__Problem__.
Wherever the string "Glazing" turns up in the data, copy the whole line.

START Data for this exercise

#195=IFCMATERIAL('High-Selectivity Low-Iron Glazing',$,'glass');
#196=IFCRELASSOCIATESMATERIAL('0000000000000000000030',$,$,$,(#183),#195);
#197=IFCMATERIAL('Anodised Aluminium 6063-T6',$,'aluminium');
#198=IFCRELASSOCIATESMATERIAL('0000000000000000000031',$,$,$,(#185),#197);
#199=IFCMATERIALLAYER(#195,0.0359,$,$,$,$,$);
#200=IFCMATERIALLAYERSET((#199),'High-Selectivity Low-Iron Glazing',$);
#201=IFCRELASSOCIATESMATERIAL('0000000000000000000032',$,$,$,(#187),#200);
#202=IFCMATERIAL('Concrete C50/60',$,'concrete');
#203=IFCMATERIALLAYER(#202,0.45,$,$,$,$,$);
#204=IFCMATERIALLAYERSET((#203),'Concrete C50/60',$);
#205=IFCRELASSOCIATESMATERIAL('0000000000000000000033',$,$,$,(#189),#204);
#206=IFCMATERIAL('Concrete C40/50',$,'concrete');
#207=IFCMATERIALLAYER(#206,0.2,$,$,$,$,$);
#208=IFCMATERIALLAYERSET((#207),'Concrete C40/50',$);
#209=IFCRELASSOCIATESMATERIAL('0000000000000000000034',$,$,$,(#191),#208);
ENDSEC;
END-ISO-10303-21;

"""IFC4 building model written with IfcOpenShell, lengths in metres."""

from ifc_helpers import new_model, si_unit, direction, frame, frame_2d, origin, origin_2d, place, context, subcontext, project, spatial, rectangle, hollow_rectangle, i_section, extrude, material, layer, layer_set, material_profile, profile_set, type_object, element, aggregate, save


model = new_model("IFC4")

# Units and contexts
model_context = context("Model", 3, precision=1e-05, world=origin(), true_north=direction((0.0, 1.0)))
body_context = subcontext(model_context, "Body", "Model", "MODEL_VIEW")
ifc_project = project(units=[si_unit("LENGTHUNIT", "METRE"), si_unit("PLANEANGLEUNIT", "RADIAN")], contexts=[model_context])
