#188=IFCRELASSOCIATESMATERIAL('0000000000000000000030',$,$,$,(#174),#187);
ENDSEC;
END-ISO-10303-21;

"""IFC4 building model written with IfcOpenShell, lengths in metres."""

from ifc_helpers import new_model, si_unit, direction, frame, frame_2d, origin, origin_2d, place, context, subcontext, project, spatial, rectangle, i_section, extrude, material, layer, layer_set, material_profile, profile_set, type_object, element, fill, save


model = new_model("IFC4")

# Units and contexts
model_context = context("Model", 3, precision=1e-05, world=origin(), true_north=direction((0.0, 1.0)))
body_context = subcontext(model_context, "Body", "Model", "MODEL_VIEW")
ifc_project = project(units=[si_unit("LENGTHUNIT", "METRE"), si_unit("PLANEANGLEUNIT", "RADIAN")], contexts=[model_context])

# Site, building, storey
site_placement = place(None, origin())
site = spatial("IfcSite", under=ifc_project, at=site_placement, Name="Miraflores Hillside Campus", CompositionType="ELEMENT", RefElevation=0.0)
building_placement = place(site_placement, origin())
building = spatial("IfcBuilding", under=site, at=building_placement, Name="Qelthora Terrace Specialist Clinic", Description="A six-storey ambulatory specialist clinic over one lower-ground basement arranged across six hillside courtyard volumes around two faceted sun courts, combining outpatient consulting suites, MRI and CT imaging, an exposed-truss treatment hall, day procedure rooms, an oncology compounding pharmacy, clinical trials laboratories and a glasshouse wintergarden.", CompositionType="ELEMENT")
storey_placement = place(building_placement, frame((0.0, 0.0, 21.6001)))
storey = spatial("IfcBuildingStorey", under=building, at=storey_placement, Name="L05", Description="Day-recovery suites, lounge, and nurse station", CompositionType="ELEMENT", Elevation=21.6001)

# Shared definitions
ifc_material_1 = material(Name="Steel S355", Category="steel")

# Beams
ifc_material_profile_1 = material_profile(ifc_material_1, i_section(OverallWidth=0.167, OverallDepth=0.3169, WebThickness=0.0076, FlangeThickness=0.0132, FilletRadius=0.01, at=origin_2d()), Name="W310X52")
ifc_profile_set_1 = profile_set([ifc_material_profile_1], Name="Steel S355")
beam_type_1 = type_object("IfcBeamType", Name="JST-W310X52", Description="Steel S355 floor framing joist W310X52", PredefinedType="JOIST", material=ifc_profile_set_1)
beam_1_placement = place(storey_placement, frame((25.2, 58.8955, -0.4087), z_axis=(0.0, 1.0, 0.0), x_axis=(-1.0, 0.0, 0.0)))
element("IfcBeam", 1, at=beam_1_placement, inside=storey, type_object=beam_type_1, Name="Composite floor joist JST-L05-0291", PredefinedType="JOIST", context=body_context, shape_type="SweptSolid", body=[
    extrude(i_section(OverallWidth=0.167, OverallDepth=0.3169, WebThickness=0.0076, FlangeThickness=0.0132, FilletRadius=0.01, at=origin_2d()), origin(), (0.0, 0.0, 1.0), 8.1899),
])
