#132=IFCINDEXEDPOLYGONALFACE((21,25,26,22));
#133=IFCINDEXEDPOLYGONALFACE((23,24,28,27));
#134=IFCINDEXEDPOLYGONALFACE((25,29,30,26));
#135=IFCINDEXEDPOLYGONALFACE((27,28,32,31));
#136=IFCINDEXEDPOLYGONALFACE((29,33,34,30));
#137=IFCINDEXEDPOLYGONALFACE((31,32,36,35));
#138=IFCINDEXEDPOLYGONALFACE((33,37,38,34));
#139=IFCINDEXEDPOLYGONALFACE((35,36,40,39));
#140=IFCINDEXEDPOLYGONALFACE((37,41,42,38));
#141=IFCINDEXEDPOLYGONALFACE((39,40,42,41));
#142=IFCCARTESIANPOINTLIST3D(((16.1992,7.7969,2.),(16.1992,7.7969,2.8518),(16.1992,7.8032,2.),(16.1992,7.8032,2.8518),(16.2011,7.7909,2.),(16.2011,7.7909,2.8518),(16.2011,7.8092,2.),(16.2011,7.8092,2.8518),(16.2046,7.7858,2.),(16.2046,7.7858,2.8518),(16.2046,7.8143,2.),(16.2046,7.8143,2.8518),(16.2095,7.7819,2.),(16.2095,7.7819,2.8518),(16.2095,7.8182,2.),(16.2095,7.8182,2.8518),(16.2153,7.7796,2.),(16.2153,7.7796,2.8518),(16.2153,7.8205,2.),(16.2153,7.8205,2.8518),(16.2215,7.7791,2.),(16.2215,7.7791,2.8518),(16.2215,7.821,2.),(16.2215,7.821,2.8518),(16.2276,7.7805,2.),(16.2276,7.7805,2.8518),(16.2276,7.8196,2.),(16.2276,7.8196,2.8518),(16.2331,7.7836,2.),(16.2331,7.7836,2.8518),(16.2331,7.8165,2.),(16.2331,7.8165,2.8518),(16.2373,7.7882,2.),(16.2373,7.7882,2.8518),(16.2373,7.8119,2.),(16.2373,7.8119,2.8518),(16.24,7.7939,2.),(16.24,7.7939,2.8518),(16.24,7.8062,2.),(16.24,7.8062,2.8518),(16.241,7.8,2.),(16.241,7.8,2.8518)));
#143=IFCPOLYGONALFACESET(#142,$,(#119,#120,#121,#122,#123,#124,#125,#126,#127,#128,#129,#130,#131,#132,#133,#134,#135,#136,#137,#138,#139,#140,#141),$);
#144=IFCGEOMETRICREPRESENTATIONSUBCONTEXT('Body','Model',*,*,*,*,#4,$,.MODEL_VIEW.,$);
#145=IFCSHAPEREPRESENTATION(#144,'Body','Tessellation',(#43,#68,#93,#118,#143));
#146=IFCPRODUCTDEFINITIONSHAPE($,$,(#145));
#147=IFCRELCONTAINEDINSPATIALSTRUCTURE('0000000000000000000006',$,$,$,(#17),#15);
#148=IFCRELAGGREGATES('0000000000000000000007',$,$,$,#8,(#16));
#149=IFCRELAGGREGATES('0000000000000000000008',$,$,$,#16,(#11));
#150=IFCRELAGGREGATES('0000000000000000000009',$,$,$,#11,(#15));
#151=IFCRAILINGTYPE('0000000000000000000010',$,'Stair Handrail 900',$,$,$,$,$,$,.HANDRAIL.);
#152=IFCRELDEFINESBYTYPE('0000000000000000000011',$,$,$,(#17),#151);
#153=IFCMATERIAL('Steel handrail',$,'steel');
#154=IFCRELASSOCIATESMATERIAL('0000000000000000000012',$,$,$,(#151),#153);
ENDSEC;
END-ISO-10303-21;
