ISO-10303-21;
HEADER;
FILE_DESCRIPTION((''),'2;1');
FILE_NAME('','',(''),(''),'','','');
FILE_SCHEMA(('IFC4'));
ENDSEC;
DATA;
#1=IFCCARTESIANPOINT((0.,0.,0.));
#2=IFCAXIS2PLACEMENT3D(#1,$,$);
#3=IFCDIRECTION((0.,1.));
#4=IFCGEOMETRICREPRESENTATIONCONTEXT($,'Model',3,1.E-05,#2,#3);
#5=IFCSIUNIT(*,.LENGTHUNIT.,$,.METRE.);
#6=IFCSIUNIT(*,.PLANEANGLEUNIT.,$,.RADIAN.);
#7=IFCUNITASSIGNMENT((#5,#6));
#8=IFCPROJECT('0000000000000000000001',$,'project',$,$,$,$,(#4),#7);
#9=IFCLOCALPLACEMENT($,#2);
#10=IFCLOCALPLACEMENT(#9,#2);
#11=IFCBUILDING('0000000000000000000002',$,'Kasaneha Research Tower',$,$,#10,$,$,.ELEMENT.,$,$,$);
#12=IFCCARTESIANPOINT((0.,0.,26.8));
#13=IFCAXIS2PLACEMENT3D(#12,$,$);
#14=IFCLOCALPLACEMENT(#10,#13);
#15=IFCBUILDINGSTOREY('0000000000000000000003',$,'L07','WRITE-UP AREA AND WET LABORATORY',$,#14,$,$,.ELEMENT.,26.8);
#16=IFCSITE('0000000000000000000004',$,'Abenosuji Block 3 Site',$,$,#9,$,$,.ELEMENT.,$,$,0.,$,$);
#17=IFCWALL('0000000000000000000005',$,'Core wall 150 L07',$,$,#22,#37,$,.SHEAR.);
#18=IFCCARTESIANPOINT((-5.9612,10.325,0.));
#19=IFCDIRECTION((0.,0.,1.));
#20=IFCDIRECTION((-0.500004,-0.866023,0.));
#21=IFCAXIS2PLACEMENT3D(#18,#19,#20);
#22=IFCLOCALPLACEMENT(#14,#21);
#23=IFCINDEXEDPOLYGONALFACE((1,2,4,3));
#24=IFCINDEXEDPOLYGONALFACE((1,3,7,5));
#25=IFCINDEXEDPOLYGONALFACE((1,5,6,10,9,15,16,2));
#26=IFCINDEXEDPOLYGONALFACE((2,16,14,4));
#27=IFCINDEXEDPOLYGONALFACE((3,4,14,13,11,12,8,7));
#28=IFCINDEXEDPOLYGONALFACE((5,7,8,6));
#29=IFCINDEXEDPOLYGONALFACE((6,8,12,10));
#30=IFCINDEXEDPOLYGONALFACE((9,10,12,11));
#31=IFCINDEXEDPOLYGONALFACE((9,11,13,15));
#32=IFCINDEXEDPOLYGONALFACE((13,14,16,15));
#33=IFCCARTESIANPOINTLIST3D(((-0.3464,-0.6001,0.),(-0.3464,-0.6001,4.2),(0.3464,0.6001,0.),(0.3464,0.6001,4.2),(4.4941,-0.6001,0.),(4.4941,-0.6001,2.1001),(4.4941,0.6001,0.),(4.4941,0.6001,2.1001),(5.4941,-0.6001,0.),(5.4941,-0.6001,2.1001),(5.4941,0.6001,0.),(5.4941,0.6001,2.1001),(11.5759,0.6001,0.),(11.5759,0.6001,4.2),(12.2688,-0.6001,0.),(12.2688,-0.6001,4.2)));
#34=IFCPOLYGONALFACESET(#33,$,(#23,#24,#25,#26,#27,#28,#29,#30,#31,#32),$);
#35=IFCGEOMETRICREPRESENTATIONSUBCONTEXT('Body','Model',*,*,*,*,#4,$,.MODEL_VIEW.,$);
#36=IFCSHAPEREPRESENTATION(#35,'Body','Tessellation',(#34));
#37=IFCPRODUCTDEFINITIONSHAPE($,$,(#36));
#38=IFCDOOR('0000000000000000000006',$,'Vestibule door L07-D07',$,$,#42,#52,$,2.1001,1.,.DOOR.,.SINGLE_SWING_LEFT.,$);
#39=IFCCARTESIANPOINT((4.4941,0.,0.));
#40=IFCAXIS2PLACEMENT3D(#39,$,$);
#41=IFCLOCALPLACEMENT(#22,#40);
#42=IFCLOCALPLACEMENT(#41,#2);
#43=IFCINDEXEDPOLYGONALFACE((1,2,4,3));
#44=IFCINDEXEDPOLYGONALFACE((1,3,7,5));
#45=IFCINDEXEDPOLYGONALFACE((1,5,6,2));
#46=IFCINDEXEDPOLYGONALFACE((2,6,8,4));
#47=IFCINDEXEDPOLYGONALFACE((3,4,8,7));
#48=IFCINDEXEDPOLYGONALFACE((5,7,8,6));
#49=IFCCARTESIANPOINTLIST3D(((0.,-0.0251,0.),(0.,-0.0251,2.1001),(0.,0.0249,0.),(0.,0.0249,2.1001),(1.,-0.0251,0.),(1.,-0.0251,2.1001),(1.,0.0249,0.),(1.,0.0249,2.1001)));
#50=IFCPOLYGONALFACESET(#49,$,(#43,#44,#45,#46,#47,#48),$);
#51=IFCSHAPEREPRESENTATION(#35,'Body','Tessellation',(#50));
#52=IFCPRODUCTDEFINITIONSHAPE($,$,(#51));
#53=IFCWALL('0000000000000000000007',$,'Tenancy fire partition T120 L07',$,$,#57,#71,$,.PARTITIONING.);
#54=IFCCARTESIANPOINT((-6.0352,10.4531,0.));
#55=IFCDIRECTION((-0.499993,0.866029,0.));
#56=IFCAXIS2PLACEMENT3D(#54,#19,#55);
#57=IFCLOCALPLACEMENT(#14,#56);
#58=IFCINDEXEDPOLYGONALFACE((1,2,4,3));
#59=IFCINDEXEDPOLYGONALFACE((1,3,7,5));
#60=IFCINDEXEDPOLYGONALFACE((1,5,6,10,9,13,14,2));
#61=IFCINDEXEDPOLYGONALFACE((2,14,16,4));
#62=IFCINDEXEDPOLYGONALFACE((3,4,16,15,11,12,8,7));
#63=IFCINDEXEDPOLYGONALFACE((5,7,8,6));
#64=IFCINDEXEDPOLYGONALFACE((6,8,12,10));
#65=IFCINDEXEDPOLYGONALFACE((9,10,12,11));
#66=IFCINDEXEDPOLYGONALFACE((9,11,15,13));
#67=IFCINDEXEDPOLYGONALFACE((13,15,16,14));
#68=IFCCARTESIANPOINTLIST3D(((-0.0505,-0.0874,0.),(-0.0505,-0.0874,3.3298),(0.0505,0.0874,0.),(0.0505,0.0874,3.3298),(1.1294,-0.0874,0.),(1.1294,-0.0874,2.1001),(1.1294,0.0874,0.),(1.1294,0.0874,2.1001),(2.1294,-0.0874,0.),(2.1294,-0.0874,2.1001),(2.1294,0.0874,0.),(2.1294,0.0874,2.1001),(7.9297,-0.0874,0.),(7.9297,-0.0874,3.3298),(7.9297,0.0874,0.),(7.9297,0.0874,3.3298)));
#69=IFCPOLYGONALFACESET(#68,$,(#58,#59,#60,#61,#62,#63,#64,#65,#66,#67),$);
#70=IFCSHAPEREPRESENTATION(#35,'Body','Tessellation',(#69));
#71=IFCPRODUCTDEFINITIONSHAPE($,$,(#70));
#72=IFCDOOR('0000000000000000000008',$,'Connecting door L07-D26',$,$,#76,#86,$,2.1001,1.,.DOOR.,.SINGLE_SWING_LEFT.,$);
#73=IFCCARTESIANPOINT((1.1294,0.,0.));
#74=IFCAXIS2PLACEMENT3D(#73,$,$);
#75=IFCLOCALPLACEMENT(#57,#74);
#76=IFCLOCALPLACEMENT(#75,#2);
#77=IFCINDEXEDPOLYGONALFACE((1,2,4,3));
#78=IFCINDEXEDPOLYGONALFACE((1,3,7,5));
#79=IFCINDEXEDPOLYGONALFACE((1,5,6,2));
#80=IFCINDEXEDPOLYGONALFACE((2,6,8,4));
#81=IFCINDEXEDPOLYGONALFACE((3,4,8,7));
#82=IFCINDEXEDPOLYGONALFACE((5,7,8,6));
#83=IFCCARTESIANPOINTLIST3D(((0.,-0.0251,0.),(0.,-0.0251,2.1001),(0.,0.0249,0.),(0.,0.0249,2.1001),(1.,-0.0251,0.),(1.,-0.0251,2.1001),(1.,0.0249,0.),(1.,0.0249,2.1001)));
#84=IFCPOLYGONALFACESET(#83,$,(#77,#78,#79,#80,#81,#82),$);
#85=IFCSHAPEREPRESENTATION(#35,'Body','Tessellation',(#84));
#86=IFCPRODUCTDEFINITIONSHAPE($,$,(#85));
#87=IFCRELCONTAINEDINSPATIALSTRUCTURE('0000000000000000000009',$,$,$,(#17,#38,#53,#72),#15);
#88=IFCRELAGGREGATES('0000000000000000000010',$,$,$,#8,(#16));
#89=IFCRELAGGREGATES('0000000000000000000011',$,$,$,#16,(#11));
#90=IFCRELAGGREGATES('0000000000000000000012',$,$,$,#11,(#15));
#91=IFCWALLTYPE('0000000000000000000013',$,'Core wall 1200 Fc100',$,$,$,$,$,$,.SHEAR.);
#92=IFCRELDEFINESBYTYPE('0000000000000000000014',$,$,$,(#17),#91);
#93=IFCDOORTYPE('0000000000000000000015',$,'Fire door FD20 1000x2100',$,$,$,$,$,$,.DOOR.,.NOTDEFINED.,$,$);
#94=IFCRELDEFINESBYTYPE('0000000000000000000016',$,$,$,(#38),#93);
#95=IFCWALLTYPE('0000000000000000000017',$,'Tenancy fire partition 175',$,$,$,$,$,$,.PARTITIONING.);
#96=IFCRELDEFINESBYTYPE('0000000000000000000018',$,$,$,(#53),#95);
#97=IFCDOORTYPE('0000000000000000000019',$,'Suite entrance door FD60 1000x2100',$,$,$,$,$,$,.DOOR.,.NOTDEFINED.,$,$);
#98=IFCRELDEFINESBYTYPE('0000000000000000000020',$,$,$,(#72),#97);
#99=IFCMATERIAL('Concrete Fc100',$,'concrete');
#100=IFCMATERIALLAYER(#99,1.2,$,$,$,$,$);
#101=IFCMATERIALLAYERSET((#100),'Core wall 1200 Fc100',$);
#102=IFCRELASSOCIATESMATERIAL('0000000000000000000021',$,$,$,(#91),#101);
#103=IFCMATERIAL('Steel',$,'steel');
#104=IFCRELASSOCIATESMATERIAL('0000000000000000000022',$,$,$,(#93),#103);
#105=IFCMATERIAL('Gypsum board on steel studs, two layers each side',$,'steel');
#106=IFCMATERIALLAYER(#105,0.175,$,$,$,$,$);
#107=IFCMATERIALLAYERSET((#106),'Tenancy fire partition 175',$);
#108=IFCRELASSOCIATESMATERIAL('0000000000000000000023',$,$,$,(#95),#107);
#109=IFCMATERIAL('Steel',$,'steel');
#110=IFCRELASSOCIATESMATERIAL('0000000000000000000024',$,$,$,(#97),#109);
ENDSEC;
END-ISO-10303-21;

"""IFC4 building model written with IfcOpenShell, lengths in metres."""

from ifc_helpers import new_model, si_unit, direction, frame, frame_2d, origin, place, context, subcontext, project, spatial, polyline, rectangle, outline, extrude, material, layer, layer_set, type_object, element, fill, save


model = new_model("IFC4")

# Units and contexts
model_context = context("Model", 3, precision=1e-05, world=origin(), true_north=direction((0.0, 1.0)))
body_context = subcontext(model_context, "Body", "Model", "MODEL_VIEW")
ifc_project = project(units=[si_unit("LENGTHUNIT", "METRE"), si_unit("PLANEANGLEUNIT", "RADIAN")], contexts=[model_context])

# Site, building, storey
site_placement = place(None, origin())
site = spatial("IfcSite", under=ifc_project, at=site_placement, Name="Abenosuji Block 3 Site", CompositionType="ELEMENT", RefElevation=0.0)
building_placement = place(site_placement, origin())
building = spatial("IfcBuilding", under=site, at=building_placement, Name="Kasaneha Research Tower", CompositionType="ELEMENT")
storey_placement = place(building_placement, frame((0.0, 0.0, 26.8)))
storey = spatial("IfcBuildingStorey", under=building, at=storey_placement, Name="L07", Description="WRITE-UP AREA AND WET LABORATORY", CompositionType="ELEMENT", Elevation=26.8)

# Wall, opening, door
ifc_material_1 = material(Name="Concrete Fc100", Category="concrete")
ifc_layer_1 = layer(ifc_material_1, 1.2)
ifc_layer_set_1 = layer_set([ifc_layer_1], Name="Core wall 1200 Fc100")
wall_type_1 = type_object("IfcWallType", Name="Core wall 1200 Fc100", PredefinedType="SHEAR", material=ifc_layer_set_1)
wall_1_placement = place(storey_placement, frame((-5.9612, 10.325, 0.0), z_axis=(0.0, 0.0, 1.0), x_axis=(-0.500004, -0.866023, 0.0)))
wall_1 = element("IfcWall", 1, at=wall_1_placement, inside=storey, type_object=wall_type_1, Name="Core wall 150 L07", PredefinedType="SHEAR", context=body_context, shape_type="SweptSolid", body=[
    extrude(outline(polyline([(-0.3464, -0.6001), (4.4941, -0.6001), (5.4941, -0.6001), (12.2688, -0.6001), (11.5759, 0.6001), (5.4941, 0.6001), (4.4941, 0.6001), (0.3464, 0.6001), (-0.3464, -0.6001)])), origin(), (0.0, 0.0, 1.0), 4.2),
])
opening_1_placement = place(wall_1_placement, frame((4.4941, 0.0, 0.0)))
opening_1 = element("IfcOpeningElement", 2, at=opening_1_placement, cuts=wall_1, PredefinedType="OPENING", context=body_context, shape_type="SweptSolid", body=[
    extrude(rectangle(XDim=1.0, YDim=2.1001, at=frame_2d((0.5, 1.05))), frame((0.0, 0.6099, 0.0), z_axis=(0.0, -1.0, 0.0), x_axis=(1.0, 0.0, 0.0)), (0.0, 0.0, 1.0), 1.22),
])
ifc_material_2 = material(Name="Steel", Category="steel")
door_type_1 = type_object("IfcDoorType", Name="Fire door FD20 1000x2100", OperationType="NOTDEFINED", PredefinedType="DOOR", material=ifc_material_2)
door_1_placement = place(opening_1_placement, origin())
door_1 = element("IfcDoor", 3, at=door_1_placement, inside=storey, type_object=door_type_1, Name="Vestibule door L07-D07", OperationType="SINGLE_SWING_LEFT", OverallHeight=2.1001, OverallWidth=1.0, PredefinedType="DOOR", context=body_context, shape_type="SweptSolid", body=[
    extrude(rectangle(XDim=1.0, YDim=2.1001, at=frame_2d((0.5, 1.05))), frame((0.0, 0.0249, 0.0), z_axis=(0.0, -1.0, 0.0), x_axis=(1.0, 0.0, 0.0)), (0.0, 0.0, 1.0), 0.05),
])
fill(opening_1, door_1)

# Wall, opening, door
ifc_material_3 = material(Name="Gypsum board on steel studs, two layers each side", Category="steel")
ifc_layer_2 = layer(ifc_material_3, 0.175)
ifc_layer_set_2 = layer_set([ifc_layer_2], Name="Tenancy fire partition 175")
wall_type_2 = type_object("IfcWallType", Name="Tenancy fire partition 175", PredefinedType="PARTITIONING", material=ifc_layer_set_2)
wall_2_placement = place(storey_placement, frame((-6.0352, 10.4531, 0.0), z_axis=(0.0, 0.0, 1.0), x_axis=(-0.499993, 0.866029, 0.0)))
wall_2 = element("IfcWall", 4, at=wall_2_placement, inside=storey, type_object=wall_type_2, Name="Tenancy fire partition T120 L07", PredefinedType="PARTITIONING", context=body_context, shape_type="SweptSolid", body=[
    extrude(outline(polyline([(-0.0505, -0.0874), (1.1294, -0.0874), (2.1294, -0.0874), (7.9297, -0.0874), (7.9297, 0.0874), (2.1294, 0.0874), (1.1294, 0.0874), (0.0505, 0.0874), (-0.0505, -0.0874)])), origin(), (0.0, 0.0, 1.0), 3.3298),
])
opening_2_placement = place(wall_2_placement, frame((1.1294, 0.0, 0.0)))
opening_2 = element("IfcOpeningElement", 5, at=opening_2_placement, cuts=wall_2, PredefinedType="OPENING", context=body_context, shape_type="SweptSolid", body=[
    extrude(rectangle(XDim=1.0, YDim=2.1001, at=frame_2d((0.5, 1.05))), frame((0.0, 0.0977, 0.0), z_axis=(0.0, -1.0, 0.0), x_axis=(1.0, 0.0, 0.0)), (0.0, 0.0, 1.0), 0.1951),
])
ifc_material_4 = material(Name="Steel", Category="steel")
door_type_2 = type_object("IfcDoorType", Name="Suite entrance door FD60 1000x2100", OperationType="NOTDEFINED", PredefinedType="DOOR", material=ifc_material_4)
door_2_placement = place(opening_2_placement, origin())
door_2 = element("IfcDoor", 6, at=door_2_placement, inside=storey, type_object=door_type_2, Name="Connecting door L07-D26", OperationType="SINGLE_SWING_LEFT", OverallHeight=2.1001, OverallWidth=1.0, PredefinedType="DOOR", context=body_context, shape_type="SweptSolid", body=[
    extrude(rectangle(XDim=1.0, YDim=2.1001, at=frame_2d((0.5, 1.05))), frame((0.0, 0.0249, 0.0), z_axis=(0.0, -1.0, 0.0), x_axis=(1.0, 0.0, 0.0)), (0.0, 0.0, 1.0), 0.05),
])
fill(opening_2, door_2)

save(model, "model.ifc")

END Data for this exercise

__Answer to this task__.
#195=IFCMATERIAL('High-Selectivity Low-Iron Glazing',$,'glass');
#200=IFCMATERIALLAYERSET((#199),'High-Selectivity Low-Iron Glazing',$);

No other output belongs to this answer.